Wherever the string "SweptSolid" shows up in the data below, copy the whole line.

▶ Dataset entries
———

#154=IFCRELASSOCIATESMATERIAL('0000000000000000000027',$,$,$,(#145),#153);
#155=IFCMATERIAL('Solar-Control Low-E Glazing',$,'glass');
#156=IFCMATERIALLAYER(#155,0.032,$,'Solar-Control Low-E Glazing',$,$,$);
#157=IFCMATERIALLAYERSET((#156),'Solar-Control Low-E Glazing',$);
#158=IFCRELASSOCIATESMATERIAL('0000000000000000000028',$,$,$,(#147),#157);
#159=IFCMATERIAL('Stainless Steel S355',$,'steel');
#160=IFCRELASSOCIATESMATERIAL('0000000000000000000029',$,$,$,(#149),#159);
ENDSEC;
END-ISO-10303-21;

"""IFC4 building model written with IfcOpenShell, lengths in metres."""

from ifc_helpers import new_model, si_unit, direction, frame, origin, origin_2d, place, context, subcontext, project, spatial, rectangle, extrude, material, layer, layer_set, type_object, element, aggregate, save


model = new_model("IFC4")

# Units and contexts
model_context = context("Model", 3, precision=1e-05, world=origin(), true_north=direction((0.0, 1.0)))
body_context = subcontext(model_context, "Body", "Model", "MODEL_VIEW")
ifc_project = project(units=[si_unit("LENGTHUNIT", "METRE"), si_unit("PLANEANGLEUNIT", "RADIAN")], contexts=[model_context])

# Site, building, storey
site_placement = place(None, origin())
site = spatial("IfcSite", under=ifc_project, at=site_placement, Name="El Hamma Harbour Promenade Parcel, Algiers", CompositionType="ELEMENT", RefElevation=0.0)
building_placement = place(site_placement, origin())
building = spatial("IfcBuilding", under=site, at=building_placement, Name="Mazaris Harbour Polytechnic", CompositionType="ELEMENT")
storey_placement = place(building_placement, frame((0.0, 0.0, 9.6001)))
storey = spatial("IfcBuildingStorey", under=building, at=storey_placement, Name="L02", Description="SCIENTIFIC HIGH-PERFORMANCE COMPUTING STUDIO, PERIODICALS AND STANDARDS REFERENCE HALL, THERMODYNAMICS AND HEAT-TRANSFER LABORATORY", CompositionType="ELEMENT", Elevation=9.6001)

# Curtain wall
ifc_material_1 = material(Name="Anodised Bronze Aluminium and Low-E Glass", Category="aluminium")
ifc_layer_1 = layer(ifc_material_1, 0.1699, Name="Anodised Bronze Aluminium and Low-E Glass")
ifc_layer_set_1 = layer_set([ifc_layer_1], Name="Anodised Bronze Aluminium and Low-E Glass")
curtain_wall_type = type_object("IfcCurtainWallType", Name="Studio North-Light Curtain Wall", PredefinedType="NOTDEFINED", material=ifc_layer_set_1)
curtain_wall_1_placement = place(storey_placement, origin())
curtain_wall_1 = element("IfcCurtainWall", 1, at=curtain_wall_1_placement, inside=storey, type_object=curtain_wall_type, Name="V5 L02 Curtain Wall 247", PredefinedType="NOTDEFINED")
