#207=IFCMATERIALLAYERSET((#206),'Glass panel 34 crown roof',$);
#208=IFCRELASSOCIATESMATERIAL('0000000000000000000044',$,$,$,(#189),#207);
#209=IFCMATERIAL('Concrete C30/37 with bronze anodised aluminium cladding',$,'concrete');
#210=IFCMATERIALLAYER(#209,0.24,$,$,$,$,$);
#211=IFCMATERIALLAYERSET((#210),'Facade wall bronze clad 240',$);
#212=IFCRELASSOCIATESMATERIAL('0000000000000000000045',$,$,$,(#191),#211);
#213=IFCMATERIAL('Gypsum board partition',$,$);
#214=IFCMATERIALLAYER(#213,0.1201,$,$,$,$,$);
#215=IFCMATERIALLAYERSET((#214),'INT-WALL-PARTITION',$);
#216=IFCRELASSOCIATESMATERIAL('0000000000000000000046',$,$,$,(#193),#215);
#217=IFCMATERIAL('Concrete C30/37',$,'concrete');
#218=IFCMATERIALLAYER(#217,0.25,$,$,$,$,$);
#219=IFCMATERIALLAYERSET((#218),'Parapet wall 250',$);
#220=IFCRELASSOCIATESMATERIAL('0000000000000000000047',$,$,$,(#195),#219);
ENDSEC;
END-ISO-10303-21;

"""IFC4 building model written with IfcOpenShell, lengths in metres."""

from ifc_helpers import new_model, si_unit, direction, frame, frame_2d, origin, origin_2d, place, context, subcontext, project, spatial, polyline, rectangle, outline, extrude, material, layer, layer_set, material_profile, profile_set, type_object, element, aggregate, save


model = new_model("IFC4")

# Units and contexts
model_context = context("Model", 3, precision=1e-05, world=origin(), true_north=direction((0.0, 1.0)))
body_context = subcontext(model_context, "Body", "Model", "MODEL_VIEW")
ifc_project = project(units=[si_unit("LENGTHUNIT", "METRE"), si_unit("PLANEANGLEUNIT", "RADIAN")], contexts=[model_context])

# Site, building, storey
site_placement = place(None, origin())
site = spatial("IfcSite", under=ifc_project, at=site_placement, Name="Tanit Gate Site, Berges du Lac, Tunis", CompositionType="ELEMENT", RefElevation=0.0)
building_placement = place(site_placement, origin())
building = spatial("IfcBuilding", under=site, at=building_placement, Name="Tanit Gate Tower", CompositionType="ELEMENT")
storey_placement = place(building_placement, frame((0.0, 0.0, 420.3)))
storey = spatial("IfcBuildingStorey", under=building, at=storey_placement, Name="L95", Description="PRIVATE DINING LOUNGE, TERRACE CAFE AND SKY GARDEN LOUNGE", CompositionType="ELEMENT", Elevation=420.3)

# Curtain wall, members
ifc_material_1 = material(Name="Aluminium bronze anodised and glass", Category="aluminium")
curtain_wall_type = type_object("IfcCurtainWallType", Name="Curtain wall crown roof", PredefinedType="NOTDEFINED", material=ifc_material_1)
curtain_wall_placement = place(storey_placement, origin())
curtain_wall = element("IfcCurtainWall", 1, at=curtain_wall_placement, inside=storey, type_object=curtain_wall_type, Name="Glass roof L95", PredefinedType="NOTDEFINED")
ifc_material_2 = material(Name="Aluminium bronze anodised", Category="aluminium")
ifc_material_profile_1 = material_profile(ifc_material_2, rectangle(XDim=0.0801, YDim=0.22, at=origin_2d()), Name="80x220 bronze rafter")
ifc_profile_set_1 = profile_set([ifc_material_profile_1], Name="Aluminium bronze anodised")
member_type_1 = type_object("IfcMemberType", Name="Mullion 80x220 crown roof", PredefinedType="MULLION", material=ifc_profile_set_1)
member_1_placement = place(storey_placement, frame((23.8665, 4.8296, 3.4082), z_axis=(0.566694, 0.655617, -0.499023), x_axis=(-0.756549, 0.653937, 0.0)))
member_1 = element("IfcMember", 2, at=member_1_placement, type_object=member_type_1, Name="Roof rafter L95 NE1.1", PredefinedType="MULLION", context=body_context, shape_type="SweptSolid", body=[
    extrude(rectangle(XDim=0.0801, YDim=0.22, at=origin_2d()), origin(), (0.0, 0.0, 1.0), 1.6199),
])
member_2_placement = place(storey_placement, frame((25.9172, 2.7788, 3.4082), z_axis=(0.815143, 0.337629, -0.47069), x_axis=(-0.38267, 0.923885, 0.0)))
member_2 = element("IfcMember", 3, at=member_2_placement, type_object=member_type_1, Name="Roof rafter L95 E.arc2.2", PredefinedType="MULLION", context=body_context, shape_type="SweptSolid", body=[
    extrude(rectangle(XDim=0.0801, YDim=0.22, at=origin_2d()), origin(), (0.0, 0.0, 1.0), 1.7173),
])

———

▶ Your solution
member_1 = element("IfcMember", 2, at=member_1_placement, type_object=member_type_1, Name="Roof rafter L95 NE1.1", PredefinedType="MULLION", context=body_context, shape_type="SweptSolid", body=[
member_2 = element("IfcMember", 3, at=member_2_placement, type_object=member_type_1, Name="Roof rafter L95 E.arc2.2", PredefinedType="MULLION", context=body_context, shape_type="SweptSolid", body=[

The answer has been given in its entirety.